[Information — start]

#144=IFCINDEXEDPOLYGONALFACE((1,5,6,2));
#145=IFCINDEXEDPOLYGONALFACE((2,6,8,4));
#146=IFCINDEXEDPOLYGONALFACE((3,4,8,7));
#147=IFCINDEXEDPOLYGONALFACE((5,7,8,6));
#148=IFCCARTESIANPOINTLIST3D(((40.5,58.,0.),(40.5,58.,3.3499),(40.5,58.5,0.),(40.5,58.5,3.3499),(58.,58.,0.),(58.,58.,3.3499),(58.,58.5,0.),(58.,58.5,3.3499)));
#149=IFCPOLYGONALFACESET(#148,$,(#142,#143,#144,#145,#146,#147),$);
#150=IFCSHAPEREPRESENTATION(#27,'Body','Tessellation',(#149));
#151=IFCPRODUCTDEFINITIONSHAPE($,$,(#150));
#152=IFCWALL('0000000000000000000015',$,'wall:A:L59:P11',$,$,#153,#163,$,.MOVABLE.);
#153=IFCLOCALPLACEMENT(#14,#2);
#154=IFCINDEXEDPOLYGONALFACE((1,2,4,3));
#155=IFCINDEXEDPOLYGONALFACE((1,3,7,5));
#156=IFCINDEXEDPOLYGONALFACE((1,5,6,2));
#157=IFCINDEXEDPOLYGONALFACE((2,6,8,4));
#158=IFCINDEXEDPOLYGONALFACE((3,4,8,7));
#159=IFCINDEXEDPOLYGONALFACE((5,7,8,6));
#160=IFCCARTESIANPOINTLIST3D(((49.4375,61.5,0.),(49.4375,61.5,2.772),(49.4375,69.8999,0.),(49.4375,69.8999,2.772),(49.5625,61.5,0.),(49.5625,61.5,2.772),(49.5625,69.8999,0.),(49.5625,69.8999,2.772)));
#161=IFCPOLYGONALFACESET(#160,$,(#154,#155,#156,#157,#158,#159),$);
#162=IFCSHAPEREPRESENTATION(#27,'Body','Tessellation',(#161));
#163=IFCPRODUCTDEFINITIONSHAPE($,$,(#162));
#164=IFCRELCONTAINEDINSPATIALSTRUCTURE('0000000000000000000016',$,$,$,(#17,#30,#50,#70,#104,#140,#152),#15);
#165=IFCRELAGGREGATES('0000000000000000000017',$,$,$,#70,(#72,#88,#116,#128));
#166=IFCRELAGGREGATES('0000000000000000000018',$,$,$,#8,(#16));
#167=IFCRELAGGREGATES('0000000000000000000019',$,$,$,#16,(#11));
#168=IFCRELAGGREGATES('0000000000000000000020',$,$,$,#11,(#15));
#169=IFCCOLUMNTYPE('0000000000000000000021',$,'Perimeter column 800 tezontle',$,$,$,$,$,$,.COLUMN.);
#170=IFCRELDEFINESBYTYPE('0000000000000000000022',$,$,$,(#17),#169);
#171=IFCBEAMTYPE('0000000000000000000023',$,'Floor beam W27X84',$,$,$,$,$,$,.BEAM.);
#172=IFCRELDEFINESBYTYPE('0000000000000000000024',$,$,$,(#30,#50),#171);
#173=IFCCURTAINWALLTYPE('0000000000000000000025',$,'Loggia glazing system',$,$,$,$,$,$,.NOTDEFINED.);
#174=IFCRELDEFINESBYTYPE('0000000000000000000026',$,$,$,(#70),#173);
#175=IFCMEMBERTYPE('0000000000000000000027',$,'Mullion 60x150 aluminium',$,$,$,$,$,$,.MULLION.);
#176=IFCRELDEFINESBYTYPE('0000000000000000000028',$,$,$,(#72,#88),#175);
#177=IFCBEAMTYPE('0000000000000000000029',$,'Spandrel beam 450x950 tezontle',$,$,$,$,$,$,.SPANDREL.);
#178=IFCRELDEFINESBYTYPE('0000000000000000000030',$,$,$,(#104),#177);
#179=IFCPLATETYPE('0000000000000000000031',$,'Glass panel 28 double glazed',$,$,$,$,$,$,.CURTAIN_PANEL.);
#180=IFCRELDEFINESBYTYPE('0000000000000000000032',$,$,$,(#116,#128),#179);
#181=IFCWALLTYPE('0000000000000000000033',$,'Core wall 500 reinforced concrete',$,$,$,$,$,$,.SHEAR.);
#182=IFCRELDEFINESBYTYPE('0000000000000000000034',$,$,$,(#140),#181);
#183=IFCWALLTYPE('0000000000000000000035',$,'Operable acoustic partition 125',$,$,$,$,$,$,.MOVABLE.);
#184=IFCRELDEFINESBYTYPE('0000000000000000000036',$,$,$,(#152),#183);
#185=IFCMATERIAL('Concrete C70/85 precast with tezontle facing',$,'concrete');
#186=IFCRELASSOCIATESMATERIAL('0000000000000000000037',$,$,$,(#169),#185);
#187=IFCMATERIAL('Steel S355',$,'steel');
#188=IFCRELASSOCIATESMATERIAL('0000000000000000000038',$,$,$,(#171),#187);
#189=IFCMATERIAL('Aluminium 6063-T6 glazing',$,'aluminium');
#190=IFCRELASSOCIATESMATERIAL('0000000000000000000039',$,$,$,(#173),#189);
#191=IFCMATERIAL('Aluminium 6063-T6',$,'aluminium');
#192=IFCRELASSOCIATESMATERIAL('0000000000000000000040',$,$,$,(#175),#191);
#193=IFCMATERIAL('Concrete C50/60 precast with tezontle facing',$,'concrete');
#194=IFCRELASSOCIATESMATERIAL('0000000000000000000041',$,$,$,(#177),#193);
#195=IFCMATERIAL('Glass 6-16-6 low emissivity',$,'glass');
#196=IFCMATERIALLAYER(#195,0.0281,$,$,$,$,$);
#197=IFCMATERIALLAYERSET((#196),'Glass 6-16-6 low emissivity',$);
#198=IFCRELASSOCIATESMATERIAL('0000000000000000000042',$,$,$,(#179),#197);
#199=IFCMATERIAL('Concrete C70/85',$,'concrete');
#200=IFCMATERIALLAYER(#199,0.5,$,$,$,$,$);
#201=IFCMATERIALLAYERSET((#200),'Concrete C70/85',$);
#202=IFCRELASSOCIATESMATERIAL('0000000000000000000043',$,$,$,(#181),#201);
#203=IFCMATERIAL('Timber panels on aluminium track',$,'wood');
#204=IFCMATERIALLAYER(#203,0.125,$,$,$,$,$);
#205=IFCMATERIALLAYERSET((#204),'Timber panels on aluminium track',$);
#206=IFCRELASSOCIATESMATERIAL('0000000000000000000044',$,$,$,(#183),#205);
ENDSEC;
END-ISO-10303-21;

[Information — finish]
[Information — start]

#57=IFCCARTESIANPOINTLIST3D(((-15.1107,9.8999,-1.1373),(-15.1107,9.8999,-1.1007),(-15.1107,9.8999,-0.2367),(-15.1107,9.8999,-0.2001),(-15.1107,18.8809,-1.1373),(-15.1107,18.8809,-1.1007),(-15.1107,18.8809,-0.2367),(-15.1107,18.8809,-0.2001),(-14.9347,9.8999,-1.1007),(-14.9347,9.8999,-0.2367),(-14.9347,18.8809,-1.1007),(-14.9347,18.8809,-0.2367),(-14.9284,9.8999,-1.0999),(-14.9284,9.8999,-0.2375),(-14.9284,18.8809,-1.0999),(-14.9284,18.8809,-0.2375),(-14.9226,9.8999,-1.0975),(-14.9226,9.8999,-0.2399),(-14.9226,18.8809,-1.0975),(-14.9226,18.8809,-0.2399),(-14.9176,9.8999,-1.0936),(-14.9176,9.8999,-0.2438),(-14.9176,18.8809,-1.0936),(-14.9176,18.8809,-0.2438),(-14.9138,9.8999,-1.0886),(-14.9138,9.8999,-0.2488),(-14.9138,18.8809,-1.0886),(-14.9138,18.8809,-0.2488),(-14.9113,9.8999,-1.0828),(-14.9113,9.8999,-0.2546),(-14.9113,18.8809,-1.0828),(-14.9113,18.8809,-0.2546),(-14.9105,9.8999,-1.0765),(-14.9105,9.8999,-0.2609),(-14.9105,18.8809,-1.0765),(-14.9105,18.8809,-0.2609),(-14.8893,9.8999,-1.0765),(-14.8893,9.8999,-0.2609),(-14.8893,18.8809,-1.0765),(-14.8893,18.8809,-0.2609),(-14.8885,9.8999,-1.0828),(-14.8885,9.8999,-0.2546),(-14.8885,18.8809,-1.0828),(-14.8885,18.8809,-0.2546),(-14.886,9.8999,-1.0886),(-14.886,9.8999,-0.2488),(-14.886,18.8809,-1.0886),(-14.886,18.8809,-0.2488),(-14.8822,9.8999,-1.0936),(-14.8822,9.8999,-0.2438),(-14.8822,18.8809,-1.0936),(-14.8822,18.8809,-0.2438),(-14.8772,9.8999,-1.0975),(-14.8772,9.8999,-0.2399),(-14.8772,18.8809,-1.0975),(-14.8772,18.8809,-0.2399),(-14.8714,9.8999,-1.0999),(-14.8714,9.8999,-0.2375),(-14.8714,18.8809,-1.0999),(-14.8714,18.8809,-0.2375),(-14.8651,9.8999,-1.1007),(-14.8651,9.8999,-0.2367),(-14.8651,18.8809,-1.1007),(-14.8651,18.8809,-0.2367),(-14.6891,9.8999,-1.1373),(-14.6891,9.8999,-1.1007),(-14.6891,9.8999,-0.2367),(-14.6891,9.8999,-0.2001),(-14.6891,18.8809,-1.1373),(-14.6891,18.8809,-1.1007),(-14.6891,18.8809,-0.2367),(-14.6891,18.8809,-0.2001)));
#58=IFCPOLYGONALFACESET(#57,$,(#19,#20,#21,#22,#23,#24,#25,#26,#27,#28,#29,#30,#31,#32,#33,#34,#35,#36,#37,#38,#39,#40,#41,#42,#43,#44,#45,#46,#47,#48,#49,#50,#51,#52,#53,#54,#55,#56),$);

[Information — finish]

What you have to do
Starting at the line above that contains "#153=IFCLOCALPLACEMENT(#14,#2);", repeat each line exactly up to and including the line that contains "#158=IFCINDEXEDPOLYGONALFACE((3,4,8,7));", and stop there.

Output of the task
#153=IFCLOCALPLACEMENT(#14,#2);
#154=IFCINDEXEDPOLYGONALFACE((1,2,4,3));
#155=IFCINDEXEDPOLYGONALFACE((1,3,7,5));
#156=IFCINDEXEDPOLYGONALFACE((1,5,6,2));
#157=IFCINDEXEDPOLYGONALFACE((2,6,8,4));
#158=IFCINDEXEDPOLYGONALFACE((3,4,8,7));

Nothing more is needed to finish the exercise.